■ Supplied entries:
────────────────────────────────────────

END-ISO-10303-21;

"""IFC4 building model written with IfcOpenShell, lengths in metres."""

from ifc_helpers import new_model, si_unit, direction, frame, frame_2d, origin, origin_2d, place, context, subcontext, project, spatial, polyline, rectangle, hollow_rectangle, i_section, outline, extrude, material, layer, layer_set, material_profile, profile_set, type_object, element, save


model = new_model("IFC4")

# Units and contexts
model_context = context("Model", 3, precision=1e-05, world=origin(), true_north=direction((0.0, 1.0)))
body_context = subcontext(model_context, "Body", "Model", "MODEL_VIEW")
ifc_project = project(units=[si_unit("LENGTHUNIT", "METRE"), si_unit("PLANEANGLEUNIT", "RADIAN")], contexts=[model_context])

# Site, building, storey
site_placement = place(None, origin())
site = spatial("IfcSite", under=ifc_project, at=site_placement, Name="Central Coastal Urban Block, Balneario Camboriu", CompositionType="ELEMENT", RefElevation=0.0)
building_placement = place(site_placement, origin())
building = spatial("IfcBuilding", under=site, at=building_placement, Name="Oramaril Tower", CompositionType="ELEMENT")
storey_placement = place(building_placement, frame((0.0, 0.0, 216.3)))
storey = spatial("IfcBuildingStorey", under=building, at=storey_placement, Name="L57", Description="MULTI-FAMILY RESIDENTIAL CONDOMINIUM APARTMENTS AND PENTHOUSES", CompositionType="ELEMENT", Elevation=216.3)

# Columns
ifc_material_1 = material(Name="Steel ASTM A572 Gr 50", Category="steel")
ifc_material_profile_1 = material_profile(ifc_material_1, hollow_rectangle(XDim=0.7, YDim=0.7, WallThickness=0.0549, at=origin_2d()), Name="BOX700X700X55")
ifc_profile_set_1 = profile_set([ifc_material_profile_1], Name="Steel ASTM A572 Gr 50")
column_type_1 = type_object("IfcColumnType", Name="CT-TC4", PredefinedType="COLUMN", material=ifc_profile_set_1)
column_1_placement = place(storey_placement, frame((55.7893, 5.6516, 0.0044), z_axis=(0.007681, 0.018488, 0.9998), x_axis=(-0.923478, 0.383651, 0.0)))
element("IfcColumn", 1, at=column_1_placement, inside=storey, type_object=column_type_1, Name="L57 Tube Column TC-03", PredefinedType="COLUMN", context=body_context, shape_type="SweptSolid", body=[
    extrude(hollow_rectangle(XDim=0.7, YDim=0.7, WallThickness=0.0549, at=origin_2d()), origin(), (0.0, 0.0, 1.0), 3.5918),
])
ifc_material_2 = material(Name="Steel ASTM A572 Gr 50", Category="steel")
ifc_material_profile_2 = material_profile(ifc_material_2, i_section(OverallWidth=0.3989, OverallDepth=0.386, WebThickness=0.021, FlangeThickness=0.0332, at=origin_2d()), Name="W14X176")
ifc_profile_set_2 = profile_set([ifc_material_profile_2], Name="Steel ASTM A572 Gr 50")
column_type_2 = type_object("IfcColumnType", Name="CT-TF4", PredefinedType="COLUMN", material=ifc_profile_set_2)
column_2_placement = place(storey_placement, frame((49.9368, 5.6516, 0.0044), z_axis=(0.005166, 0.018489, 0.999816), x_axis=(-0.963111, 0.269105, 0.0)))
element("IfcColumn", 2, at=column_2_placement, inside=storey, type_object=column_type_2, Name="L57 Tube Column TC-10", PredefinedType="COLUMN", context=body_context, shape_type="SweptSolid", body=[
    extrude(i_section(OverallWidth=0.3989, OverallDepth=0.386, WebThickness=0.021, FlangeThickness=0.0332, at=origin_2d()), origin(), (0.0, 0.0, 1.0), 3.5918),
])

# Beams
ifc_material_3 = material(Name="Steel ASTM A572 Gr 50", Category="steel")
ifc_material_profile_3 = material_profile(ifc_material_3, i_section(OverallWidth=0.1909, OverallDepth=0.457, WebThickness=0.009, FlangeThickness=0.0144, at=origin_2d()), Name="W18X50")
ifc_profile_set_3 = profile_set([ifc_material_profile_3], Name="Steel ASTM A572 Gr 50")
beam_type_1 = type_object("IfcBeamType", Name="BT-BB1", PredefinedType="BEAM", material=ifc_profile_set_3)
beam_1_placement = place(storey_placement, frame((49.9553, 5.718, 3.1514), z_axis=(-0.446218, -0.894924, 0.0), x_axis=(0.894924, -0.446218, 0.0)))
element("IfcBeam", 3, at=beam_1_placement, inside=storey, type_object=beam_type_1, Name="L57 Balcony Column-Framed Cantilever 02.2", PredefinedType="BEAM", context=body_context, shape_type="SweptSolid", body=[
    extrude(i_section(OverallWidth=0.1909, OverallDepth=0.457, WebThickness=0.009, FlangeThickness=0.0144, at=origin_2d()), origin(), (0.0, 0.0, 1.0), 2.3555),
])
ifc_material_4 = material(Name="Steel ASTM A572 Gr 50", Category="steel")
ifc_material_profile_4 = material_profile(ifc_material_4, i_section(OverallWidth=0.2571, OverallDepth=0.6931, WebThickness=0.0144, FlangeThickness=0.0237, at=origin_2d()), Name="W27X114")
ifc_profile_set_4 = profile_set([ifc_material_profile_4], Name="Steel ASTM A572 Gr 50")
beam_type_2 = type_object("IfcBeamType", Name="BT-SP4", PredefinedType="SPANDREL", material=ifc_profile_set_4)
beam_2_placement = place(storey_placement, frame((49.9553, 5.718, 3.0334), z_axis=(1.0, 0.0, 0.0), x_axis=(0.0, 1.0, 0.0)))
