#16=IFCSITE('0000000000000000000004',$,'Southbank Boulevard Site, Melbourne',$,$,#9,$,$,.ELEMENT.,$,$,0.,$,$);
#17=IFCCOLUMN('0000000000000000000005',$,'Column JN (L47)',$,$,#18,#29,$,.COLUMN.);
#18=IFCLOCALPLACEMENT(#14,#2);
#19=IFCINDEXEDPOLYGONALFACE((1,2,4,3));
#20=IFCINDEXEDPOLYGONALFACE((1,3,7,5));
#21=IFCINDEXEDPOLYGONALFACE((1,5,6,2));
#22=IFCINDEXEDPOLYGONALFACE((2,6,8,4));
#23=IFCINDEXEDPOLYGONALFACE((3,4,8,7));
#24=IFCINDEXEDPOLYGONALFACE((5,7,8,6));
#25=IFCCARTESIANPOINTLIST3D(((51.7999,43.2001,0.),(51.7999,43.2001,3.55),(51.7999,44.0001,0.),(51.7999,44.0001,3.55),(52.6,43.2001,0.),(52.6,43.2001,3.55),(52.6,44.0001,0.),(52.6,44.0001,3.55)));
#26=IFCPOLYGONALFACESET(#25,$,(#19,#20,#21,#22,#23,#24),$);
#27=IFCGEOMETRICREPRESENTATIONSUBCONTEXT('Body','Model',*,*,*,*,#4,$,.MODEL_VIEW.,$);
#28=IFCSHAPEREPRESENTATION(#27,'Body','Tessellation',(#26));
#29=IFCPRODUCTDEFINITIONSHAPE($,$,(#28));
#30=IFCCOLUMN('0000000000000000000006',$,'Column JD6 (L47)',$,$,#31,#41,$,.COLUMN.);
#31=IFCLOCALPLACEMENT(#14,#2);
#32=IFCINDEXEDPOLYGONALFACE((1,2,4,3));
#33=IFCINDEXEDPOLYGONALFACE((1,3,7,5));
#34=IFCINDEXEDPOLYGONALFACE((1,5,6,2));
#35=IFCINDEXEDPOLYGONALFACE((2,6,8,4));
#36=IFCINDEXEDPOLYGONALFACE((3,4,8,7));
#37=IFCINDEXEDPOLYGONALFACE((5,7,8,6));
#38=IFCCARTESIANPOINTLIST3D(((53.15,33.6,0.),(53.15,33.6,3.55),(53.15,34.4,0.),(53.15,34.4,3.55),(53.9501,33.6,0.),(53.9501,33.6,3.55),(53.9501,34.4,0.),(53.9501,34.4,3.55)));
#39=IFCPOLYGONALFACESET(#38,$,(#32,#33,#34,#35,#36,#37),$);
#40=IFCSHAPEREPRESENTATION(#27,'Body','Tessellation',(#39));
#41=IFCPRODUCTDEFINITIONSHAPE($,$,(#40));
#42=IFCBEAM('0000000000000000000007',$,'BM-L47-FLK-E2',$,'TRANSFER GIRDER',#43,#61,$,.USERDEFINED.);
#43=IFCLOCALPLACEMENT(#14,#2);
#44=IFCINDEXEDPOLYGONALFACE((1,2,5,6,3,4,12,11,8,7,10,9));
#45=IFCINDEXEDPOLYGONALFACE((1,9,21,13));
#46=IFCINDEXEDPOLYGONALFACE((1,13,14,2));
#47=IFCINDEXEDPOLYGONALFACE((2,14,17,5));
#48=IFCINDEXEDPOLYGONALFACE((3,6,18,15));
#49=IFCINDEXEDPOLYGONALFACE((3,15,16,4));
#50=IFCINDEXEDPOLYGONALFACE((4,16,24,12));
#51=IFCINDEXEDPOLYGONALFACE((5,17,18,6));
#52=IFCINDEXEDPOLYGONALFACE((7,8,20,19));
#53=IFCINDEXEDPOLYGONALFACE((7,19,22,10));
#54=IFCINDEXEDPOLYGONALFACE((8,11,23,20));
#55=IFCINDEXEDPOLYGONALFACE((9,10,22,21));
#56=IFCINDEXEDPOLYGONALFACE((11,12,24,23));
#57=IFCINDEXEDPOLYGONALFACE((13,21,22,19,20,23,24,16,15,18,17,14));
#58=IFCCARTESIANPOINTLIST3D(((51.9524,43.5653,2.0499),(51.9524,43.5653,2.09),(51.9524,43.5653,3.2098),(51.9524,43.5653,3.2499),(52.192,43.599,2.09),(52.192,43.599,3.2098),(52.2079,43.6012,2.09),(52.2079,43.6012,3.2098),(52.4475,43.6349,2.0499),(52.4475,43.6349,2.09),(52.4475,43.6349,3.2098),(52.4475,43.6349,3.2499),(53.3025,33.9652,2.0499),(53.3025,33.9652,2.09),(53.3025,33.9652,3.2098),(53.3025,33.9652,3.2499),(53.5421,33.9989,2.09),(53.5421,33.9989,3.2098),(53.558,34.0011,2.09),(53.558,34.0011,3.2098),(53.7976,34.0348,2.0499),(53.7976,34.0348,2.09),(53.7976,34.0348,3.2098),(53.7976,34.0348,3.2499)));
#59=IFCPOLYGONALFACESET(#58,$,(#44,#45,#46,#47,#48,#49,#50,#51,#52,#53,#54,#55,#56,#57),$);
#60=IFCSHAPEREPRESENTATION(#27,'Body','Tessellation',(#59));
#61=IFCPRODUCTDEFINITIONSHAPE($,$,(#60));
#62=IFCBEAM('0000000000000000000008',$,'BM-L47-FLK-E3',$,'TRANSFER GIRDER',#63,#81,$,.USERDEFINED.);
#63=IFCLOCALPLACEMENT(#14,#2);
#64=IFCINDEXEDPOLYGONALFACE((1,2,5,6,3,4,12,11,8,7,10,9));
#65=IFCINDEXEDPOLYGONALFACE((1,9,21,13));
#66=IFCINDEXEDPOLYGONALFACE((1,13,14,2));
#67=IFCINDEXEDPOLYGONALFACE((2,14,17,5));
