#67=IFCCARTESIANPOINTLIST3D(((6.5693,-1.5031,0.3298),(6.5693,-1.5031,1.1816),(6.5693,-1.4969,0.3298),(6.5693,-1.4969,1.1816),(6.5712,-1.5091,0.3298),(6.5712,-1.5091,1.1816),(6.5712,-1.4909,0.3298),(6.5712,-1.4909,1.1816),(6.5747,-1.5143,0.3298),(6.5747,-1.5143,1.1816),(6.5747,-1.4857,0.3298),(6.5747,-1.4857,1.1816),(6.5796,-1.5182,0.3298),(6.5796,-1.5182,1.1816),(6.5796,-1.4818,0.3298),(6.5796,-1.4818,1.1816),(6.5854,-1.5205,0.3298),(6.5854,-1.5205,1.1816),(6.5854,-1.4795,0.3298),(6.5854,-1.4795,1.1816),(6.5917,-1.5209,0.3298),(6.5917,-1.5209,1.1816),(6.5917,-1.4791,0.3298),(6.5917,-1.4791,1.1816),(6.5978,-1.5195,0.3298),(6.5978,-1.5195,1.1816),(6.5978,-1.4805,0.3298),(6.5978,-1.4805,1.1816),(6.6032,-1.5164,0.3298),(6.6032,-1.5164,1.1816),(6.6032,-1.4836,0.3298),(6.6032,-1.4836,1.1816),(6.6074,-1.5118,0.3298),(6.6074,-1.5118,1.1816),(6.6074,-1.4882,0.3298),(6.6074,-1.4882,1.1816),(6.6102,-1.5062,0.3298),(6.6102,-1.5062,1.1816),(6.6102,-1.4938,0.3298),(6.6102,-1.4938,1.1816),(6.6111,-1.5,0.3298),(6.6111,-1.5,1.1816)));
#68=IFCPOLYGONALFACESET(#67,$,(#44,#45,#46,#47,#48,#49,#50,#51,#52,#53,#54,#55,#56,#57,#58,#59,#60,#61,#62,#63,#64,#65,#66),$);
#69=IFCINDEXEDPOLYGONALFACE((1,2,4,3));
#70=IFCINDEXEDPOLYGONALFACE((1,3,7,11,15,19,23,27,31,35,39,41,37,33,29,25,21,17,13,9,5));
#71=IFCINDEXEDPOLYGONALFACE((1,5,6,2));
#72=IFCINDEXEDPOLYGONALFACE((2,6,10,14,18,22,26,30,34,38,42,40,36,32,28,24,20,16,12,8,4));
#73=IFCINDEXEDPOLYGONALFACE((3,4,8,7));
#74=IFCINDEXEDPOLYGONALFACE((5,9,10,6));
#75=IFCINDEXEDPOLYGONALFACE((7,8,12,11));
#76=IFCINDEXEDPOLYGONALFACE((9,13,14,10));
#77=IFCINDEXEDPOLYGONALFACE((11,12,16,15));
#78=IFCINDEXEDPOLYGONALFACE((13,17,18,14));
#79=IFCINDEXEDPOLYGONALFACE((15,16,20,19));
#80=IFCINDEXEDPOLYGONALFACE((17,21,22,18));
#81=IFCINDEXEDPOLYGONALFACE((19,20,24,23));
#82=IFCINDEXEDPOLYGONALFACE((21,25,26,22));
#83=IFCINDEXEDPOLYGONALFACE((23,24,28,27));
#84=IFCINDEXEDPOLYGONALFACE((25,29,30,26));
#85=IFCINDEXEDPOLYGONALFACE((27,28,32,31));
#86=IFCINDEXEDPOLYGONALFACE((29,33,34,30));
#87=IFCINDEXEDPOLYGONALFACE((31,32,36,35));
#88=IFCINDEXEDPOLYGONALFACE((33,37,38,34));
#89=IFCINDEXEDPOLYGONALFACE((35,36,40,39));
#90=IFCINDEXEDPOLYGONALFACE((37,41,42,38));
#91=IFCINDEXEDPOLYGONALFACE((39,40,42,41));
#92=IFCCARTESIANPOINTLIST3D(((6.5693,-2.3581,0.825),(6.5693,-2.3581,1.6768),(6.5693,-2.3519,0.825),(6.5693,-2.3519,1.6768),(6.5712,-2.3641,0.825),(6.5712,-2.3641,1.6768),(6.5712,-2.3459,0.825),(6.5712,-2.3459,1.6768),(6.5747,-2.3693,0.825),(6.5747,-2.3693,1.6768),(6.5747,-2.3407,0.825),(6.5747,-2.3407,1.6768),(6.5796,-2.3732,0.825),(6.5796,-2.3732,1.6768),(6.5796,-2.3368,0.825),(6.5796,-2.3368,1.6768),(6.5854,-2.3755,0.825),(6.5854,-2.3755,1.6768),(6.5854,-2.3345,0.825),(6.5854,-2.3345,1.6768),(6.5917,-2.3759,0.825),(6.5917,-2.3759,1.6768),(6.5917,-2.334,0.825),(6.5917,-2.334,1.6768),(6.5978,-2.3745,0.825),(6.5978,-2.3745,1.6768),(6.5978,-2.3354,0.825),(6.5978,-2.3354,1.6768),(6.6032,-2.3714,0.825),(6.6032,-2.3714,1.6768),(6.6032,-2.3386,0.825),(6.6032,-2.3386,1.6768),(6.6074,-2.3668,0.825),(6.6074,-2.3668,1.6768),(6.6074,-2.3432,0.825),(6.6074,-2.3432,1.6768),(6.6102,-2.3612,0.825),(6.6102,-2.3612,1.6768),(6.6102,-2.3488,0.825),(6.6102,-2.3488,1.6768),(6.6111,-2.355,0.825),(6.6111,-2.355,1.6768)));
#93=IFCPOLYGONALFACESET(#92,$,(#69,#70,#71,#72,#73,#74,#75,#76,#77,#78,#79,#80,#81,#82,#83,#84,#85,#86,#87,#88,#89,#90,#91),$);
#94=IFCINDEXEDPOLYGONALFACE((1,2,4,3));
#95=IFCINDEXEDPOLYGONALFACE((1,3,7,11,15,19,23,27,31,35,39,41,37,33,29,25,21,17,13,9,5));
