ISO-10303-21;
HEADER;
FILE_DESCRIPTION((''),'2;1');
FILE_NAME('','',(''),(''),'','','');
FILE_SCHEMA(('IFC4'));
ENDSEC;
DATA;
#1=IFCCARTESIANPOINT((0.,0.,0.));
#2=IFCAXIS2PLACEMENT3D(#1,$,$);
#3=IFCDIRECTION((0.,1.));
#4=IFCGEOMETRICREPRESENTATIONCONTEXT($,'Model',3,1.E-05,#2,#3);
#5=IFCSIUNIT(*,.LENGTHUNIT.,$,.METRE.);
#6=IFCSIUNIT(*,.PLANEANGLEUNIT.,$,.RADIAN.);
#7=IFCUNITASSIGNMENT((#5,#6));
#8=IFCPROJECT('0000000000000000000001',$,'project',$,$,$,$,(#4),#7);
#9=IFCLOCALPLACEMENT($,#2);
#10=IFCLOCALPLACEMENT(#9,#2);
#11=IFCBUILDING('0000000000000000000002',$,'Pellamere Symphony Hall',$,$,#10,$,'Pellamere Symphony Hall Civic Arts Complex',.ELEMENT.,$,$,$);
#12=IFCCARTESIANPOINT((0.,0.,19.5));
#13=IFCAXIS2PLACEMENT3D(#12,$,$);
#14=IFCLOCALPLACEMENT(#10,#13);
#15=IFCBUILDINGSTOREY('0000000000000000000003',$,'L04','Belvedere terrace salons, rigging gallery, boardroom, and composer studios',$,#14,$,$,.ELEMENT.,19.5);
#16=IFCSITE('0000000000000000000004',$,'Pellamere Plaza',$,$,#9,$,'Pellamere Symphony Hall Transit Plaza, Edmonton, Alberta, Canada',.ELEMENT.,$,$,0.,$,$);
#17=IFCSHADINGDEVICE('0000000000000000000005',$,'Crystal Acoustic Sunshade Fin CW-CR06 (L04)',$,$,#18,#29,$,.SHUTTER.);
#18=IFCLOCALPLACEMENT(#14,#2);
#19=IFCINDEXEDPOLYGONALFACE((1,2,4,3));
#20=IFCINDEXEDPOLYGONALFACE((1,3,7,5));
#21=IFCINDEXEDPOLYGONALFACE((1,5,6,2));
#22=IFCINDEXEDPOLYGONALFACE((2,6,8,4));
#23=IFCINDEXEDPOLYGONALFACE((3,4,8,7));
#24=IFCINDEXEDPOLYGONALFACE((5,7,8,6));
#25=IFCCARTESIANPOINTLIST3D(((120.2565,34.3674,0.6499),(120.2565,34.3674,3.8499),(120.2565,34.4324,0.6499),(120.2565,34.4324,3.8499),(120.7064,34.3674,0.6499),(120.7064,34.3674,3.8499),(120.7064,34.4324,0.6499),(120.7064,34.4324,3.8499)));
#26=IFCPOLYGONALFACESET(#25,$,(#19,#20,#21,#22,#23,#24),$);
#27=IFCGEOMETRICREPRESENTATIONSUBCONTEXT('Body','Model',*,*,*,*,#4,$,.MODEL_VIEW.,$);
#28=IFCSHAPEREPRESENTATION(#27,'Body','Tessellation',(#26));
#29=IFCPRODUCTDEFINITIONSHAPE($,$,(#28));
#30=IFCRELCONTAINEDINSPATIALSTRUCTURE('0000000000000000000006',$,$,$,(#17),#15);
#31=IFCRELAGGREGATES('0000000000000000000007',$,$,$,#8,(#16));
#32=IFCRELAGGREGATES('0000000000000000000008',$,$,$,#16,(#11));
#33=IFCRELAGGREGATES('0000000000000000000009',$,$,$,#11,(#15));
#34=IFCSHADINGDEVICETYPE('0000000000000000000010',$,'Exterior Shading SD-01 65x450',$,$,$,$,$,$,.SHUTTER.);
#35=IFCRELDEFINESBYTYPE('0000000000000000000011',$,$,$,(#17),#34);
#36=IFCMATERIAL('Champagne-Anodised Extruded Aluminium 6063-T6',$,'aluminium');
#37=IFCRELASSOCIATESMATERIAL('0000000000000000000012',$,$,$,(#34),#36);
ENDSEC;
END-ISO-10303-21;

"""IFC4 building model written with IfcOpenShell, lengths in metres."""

from ifc_helpers import new_model, si_unit, direction, frame, origin, origin_2d, place, context, subcontext, project, spatial, rectangle, extrude, material, type_object, element, save


model = new_model("IFC4")

# Units and contexts
model_context = context("Model", 3, precision=1e-05, world=origin(), true_north=direction((0.0, 1.0)))
body_context = subcontext(model_context, "Body", "Model", "MODEL_VIEW")
ifc_project = project(units=[si_unit("LENGTHUNIT", "METRE"), si_unit("PLANEANGLEUNIT", "RADIAN")], contexts=[model_context])

# Site, building, storey
site_placement = place(None, origin())
site = spatial("IfcSite", under=ifc_project, at=site_placement, Name="Pellamere Plaza", LongName="Pellamere Symphony Hall Transit Plaza, Edmonton, Alberta, Canada", CompositionType="ELEMENT", RefElevation=0.0)
building_placement = place(site_placement, origin())
building = spatial("IfcBuilding", under=site, at=building_placement, Name="Pellamere Symphony Hall", LongName="Pellamere Symphony Hall Civic Arts Complex", CompositionType="ELEMENT")
storey_placement = place(building_placement, frame((0.0, 0.0, 19.5)))
storey = spatial("IfcBuildingStorey", under=building, at=storey_placement, Name="L04", Description="Belvedere terrace salons, rigging gallery, boardroom, and composer studios", CompositionType="ELEMENT", Elevation=19.5)

# Shading device
ifc_material_1 = material(Name="Champagne-Anodised Extruded Aluminium 6063-T6", Category="aluminium")
shading_device_type = type_object("IfcShadingDeviceType", Name="Exterior Shading SD-01 65x450", PredefinedType="SHUTTER", material=ifc_material_1)
shading_device_placement = place(storey_placement, frame((120.4814, 34.3999, 0.6499), z_axis=(0.0, 0.0, 1.0), x_axis=(0.0, 1.0, 0.0)))
element("IfcShadingDevice", 1, at=shading_device_placement, inside=storey, type_object=shading_device_type, Name="Crystal Acoustic Sunshade Fin CW-CR06 (L04)", PredefinedType="SHUTTER", context=body_context, shape_type="SweptSolid", body=[
    extrude(rectangle(XDim=0.0649, YDim=0.45, at=origin_2d()), origin(), (0.0, 0.0, 1.0), 3.2),
])

save(model, "model.ifc")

────────────────────────────────────────

■ Aim of the task: Exactly one number is the expected answer: the count of lines in the entries where the word "IFCRELAGGREGATES" is found.

■ Answer to this task: 3